§ **Work item**
Write out exactly what each line says, starting with the first line below and ending on the one with "AND DINING, FLAT".
+ + + + + + +
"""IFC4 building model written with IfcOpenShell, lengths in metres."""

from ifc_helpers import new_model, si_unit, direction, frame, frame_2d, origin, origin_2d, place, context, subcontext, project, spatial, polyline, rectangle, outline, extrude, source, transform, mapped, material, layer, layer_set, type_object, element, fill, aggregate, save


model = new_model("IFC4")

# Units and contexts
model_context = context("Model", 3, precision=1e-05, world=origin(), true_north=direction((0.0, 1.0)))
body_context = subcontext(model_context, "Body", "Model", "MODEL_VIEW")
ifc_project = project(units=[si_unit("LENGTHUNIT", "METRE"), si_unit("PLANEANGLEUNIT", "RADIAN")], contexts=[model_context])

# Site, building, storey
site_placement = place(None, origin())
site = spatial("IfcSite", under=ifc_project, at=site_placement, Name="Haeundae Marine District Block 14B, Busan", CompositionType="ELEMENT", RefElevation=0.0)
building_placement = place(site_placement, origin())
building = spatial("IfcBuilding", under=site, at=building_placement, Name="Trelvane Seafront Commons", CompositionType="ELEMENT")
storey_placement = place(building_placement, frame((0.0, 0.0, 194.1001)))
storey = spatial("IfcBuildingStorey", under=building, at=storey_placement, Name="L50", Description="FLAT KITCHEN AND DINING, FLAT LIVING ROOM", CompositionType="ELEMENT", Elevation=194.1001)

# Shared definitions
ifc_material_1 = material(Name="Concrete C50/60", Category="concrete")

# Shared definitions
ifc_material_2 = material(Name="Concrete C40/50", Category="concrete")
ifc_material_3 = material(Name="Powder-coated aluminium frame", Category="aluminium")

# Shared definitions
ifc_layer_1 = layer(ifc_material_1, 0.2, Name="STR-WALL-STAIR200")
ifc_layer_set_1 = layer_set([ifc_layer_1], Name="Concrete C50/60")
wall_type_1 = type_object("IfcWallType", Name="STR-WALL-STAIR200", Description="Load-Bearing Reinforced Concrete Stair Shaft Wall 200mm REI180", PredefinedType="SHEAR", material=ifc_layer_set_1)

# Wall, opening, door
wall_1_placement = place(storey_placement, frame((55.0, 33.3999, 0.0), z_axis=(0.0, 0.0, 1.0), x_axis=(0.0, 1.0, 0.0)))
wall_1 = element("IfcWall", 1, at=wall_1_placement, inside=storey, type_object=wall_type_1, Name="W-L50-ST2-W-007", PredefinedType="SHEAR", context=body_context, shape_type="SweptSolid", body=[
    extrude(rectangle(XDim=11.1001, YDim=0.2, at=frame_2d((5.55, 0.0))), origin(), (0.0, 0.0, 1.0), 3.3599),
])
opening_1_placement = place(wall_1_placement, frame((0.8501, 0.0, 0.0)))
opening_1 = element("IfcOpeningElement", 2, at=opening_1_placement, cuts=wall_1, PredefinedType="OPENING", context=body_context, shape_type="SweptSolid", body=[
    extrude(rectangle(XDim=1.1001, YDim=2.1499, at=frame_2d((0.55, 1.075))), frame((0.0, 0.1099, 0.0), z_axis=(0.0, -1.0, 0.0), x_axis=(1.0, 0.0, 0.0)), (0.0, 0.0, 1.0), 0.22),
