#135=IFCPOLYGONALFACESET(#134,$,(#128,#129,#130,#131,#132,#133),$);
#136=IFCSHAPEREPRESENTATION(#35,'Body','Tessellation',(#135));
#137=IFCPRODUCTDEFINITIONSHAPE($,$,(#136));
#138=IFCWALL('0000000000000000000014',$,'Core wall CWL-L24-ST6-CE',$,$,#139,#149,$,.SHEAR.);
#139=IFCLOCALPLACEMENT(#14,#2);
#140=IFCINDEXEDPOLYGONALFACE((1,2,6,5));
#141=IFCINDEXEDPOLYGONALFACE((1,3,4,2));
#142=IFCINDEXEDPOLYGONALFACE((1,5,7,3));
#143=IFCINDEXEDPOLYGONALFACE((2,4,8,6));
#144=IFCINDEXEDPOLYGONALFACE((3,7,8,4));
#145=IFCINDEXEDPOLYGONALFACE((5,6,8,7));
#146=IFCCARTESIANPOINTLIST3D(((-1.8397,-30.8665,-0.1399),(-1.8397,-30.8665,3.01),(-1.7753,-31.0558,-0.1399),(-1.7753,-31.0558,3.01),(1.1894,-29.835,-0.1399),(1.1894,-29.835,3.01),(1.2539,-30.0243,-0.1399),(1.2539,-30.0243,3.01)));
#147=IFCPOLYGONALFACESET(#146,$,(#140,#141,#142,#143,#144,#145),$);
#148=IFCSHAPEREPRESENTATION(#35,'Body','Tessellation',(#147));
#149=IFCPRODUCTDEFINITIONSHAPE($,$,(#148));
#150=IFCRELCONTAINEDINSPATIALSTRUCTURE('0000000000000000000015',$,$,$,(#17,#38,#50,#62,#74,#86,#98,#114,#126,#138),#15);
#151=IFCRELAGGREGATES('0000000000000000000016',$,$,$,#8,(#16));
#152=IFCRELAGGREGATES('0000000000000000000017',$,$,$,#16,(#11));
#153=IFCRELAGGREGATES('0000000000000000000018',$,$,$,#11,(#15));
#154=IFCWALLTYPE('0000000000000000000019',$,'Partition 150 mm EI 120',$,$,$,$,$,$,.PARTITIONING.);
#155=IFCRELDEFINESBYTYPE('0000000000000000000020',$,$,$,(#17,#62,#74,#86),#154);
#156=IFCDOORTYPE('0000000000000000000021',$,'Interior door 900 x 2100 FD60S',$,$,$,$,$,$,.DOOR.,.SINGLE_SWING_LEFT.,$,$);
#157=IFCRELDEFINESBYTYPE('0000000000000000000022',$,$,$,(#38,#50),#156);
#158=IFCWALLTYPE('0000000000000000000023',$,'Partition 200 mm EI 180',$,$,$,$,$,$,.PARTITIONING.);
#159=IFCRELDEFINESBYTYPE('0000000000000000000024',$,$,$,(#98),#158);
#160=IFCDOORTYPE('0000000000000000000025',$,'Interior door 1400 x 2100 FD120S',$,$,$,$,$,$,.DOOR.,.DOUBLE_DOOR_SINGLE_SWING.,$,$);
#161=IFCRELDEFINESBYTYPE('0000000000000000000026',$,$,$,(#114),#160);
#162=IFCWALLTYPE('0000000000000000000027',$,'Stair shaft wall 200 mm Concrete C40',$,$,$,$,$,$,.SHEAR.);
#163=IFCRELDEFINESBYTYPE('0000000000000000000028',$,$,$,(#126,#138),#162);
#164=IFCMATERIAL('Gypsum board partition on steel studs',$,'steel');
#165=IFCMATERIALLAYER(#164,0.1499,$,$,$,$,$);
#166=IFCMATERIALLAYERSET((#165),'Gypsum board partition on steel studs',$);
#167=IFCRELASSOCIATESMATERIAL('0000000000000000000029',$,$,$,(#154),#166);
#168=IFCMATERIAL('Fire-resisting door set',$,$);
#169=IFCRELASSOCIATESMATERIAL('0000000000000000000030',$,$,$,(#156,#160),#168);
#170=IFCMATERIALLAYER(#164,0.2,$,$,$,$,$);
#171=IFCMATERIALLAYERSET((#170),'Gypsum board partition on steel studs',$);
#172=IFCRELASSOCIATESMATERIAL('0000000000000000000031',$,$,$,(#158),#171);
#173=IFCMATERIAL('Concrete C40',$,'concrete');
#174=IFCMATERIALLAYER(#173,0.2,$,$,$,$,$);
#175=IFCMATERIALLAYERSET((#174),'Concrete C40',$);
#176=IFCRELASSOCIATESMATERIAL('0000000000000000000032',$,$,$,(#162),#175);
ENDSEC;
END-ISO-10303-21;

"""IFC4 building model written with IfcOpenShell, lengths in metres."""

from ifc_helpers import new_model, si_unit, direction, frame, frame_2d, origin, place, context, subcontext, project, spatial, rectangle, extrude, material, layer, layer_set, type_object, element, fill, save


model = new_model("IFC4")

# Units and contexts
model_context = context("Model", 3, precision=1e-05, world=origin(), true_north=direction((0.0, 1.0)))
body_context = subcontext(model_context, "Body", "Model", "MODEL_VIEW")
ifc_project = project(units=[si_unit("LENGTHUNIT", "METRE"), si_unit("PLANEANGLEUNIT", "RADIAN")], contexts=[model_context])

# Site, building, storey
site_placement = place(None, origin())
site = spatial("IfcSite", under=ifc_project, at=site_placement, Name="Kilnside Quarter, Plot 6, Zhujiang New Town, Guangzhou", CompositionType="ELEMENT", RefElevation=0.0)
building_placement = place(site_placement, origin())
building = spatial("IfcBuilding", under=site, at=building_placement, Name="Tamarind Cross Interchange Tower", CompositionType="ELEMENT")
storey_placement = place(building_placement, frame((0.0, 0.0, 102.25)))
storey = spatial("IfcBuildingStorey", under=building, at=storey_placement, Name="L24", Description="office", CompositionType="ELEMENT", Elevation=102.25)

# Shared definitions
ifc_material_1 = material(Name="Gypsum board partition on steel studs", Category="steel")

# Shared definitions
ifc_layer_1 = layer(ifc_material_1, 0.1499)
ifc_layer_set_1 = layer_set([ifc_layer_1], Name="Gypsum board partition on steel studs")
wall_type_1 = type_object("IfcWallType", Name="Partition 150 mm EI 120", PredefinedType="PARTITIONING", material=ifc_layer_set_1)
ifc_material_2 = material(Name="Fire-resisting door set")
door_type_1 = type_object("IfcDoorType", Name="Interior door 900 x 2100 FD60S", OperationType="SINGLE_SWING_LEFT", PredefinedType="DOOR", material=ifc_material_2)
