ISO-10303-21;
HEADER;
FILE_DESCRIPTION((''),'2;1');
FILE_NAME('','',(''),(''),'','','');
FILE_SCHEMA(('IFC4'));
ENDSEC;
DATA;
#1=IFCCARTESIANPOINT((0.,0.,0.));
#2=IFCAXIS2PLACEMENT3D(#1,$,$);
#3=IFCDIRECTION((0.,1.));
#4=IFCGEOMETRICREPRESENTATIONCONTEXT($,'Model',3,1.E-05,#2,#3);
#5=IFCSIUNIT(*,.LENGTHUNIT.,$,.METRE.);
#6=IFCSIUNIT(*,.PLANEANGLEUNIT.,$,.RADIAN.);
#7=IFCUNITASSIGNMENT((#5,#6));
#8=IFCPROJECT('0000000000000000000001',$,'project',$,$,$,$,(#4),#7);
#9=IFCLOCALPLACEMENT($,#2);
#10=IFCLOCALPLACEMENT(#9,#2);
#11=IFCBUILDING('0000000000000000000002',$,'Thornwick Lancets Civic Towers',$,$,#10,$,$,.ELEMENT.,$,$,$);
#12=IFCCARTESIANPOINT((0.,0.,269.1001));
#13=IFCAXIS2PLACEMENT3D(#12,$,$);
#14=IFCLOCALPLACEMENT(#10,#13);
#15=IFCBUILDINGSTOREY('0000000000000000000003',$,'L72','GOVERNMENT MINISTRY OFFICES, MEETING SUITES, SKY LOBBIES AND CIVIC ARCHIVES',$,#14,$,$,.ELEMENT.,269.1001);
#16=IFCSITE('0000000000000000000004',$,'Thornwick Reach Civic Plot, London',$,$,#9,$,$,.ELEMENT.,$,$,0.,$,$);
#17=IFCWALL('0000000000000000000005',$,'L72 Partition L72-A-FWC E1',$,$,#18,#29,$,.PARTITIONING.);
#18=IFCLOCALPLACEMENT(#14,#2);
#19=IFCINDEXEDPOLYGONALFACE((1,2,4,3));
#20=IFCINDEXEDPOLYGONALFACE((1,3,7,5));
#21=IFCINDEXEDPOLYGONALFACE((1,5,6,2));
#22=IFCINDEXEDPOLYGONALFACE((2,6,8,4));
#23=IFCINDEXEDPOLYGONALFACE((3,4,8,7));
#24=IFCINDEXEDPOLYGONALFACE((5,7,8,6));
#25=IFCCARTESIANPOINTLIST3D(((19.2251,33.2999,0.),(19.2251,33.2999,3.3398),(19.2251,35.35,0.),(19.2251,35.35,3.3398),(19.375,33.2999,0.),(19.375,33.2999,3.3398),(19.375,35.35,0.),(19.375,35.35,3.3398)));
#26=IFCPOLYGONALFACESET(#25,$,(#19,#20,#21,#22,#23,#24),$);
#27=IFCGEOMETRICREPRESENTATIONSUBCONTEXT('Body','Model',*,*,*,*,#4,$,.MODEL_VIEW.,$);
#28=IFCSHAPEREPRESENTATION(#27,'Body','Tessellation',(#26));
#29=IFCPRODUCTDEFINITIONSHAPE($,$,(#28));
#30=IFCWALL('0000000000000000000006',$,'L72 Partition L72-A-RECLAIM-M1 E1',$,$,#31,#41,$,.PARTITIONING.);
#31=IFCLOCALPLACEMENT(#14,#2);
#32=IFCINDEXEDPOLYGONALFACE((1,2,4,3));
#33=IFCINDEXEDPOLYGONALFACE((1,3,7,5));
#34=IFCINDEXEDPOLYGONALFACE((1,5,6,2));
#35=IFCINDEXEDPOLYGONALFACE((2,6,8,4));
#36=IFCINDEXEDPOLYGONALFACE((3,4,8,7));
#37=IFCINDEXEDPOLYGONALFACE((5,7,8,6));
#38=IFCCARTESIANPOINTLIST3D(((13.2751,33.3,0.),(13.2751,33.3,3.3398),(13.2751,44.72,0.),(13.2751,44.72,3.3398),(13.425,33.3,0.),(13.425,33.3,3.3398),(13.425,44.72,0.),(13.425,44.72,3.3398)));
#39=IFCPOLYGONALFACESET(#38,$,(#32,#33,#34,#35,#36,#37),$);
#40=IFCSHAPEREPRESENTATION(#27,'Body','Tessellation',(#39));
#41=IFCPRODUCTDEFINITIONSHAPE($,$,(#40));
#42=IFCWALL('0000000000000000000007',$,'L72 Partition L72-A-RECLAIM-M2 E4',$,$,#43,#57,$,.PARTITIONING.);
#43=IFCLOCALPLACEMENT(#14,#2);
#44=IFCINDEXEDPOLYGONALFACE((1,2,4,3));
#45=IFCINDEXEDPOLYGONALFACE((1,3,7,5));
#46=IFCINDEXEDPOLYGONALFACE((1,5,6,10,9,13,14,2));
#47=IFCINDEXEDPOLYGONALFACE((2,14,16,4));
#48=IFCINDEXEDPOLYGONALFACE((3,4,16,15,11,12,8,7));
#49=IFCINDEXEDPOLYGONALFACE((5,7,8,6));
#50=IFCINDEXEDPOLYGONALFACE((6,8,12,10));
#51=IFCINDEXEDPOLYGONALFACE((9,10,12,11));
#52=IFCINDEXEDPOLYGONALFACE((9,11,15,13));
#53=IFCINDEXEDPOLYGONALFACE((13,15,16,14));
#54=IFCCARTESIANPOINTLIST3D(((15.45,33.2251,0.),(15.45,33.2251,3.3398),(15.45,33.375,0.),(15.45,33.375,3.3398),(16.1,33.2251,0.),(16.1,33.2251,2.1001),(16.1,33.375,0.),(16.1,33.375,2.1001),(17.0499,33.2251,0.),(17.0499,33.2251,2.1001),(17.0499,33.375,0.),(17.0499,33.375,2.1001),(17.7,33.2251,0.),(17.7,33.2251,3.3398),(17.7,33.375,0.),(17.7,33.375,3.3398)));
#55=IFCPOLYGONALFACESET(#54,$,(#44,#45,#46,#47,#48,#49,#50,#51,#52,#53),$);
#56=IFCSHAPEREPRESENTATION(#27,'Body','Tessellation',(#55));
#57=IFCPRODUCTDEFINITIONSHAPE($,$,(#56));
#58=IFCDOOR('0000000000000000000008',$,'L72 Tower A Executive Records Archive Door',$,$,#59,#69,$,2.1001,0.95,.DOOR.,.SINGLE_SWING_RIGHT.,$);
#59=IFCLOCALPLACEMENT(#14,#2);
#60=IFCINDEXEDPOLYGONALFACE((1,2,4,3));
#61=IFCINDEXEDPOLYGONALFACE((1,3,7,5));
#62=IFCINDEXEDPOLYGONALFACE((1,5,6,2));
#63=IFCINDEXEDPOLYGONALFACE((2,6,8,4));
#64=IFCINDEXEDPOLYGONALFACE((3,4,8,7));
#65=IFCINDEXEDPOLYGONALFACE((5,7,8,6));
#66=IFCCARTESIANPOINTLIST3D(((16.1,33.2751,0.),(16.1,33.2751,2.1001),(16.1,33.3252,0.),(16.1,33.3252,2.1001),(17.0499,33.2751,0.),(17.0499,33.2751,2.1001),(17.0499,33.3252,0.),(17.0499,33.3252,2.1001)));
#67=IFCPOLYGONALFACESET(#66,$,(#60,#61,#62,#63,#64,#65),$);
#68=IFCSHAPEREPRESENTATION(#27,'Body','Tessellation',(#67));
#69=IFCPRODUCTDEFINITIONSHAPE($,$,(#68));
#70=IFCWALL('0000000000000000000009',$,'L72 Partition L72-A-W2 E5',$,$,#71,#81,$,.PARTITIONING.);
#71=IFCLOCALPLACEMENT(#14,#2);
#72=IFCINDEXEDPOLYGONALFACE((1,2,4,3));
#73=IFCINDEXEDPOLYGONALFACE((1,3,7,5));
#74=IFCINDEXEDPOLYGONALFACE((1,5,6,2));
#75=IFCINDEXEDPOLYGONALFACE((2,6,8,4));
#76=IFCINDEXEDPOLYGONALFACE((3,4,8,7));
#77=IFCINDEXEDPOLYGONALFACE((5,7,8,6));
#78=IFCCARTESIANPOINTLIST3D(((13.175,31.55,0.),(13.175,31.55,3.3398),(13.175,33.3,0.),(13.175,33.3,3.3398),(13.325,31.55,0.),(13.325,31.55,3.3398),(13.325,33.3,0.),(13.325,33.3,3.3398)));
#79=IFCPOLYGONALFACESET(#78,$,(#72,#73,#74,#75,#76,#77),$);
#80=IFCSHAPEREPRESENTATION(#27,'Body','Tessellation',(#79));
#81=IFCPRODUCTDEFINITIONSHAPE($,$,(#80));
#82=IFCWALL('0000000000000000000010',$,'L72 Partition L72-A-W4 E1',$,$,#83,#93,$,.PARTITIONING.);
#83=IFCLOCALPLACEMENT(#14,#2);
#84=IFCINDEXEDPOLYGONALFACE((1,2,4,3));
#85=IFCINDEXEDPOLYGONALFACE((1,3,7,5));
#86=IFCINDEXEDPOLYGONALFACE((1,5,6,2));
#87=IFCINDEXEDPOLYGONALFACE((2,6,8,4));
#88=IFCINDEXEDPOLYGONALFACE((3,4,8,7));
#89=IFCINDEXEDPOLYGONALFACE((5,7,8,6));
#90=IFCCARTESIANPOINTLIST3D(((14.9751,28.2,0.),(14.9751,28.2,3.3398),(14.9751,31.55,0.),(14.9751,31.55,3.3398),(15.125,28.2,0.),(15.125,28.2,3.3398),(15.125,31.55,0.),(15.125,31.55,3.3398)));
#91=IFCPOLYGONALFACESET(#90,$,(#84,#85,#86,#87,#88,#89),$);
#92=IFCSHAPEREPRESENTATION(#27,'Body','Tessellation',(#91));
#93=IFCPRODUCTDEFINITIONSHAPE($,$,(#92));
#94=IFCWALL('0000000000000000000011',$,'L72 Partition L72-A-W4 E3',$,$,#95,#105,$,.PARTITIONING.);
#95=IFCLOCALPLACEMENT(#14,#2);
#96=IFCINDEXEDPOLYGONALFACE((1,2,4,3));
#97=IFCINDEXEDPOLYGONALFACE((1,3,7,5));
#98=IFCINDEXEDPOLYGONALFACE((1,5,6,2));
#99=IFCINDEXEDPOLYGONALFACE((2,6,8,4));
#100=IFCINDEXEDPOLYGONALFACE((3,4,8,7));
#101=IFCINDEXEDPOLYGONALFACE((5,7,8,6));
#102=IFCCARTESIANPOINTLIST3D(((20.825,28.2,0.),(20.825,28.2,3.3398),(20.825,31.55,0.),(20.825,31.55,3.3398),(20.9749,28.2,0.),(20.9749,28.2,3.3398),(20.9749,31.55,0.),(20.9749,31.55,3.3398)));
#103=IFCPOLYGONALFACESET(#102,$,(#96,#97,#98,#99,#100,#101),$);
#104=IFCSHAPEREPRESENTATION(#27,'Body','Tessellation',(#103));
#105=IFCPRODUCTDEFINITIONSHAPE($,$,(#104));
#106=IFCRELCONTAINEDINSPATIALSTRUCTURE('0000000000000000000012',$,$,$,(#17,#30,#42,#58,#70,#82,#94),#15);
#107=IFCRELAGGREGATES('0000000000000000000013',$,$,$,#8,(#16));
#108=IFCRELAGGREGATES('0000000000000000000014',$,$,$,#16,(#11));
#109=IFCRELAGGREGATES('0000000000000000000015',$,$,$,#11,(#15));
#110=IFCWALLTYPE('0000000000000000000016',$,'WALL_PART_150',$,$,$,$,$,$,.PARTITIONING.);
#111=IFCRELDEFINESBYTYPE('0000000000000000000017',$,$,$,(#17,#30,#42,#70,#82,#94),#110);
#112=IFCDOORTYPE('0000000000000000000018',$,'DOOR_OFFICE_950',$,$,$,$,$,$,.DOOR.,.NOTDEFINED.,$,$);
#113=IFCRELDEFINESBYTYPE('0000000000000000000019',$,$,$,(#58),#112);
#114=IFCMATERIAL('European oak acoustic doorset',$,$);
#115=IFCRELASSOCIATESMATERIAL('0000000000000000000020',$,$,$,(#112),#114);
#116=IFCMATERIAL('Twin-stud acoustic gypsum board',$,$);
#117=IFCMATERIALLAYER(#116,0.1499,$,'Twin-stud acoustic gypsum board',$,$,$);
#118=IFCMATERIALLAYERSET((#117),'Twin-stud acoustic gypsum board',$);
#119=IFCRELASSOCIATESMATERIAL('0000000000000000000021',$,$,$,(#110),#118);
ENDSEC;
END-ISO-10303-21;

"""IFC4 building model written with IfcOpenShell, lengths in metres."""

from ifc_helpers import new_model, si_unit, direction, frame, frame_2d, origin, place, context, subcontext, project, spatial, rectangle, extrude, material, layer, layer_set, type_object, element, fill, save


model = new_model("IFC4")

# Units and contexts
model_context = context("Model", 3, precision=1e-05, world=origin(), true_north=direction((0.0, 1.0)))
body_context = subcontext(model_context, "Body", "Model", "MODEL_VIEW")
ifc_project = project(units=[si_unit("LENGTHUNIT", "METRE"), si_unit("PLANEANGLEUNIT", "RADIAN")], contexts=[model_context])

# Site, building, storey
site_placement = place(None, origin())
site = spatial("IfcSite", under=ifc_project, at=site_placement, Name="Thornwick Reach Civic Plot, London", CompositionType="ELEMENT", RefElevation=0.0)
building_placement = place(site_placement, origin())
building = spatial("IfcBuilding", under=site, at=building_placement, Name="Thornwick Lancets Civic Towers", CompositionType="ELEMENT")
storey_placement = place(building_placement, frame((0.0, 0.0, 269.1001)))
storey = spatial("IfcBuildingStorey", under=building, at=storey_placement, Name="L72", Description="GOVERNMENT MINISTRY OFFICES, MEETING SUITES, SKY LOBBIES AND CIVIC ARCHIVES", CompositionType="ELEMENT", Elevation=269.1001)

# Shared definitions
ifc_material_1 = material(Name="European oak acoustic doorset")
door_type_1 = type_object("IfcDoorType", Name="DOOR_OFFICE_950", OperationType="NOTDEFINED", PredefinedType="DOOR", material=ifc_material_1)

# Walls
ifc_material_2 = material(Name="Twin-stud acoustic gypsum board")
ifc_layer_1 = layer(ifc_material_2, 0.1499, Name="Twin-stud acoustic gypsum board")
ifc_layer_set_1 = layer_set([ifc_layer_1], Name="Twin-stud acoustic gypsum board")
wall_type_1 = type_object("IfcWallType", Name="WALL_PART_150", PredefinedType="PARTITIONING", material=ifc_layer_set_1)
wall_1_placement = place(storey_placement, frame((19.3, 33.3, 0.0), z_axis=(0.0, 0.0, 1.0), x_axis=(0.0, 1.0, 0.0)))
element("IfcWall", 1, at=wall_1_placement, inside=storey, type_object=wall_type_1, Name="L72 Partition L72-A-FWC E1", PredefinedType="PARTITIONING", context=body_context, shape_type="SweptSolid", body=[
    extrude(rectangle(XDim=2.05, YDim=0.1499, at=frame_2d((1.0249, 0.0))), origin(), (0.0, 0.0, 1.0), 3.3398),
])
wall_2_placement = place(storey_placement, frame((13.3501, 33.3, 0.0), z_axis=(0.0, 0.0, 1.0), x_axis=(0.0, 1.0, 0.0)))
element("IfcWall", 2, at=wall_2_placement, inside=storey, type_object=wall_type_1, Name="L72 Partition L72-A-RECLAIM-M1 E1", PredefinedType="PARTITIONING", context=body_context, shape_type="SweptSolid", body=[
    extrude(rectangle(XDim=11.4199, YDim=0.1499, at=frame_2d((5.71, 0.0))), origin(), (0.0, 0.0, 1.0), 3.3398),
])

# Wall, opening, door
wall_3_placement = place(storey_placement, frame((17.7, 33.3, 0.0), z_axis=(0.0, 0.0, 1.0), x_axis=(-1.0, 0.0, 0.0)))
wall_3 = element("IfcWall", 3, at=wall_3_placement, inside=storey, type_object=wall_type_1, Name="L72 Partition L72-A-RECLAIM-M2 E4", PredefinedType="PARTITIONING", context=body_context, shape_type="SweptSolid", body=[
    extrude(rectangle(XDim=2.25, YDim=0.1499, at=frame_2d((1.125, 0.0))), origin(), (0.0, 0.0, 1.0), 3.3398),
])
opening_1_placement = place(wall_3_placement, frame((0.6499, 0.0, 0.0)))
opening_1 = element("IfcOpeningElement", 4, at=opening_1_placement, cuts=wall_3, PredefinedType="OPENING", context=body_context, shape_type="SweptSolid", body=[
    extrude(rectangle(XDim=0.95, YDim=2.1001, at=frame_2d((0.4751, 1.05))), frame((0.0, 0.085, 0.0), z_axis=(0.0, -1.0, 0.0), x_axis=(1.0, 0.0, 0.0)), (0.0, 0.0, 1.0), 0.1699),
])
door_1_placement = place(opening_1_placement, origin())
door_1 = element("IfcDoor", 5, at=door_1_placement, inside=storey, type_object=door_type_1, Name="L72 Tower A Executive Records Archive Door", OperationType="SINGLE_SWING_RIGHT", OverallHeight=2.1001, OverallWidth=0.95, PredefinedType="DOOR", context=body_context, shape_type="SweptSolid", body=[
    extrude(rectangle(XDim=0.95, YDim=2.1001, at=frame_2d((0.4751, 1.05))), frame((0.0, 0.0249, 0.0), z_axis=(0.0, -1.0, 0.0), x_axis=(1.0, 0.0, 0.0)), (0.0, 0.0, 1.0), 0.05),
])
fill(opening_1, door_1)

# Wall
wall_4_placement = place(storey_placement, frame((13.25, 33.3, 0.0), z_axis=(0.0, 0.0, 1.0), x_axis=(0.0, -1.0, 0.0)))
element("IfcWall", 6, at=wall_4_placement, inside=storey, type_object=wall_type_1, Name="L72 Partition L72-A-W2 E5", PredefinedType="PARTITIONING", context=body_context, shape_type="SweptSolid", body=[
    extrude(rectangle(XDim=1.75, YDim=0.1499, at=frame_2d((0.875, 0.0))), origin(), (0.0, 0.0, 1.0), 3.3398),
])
+ + + + + + +
§ **Solution to this problem**
"""IFC4 building model written with IfcOpenShell, lengths in metres."""

from ifc_helpers import new_model, si_unit, direction, frame, frame_2d, origin, origin_2d, place, context, subcontext, project, spatial, polyline, rectangle, outline, extrude, source, transform, mapped, material, layer, layer_set, type_object, element, fill, aggregate, save


model = new_model("IFC4")

# Units and contexts
model_context = context("Model", 3, precision=1e-05, world=origin(), true_north=direction((0.0, 1.0)))
body_context = subcontext(model_context, "Body", "Model", "MODEL_VIEW")
ifc_project = project(units=[si_unit("LENGTHUNIT", "METRE"), si_unit("PLANEANGLEUNIT", "RADIAN")], contexts=[model_context])

# Site, building, storey
site_placement = place(None, origin())
site = spatial("IfcSite", under=ifc_project, at=site_placement, Name="Haeundae Marine District Block 14B, Busan", CompositionType="ELEMENT", RefElevation=0.0)
building_placement = place(site_placement, origin())
building = spatial("IfcBuilding", under=site, at=building_placement, Name="Trelvane Seafront Commons", CompositionType="ELEMENT")
storey_placement = place(building_placement, frame((0.0, 0.0, 194.1001)))
storey = spatial("IfcBuildingStorey", under=building, at=storey_placement, Name="L50", Description="FLAT KITCHEN AND DINING, FLAT LIVING ROOM", CompositionType="ELEMENT", Elevation=194.1001)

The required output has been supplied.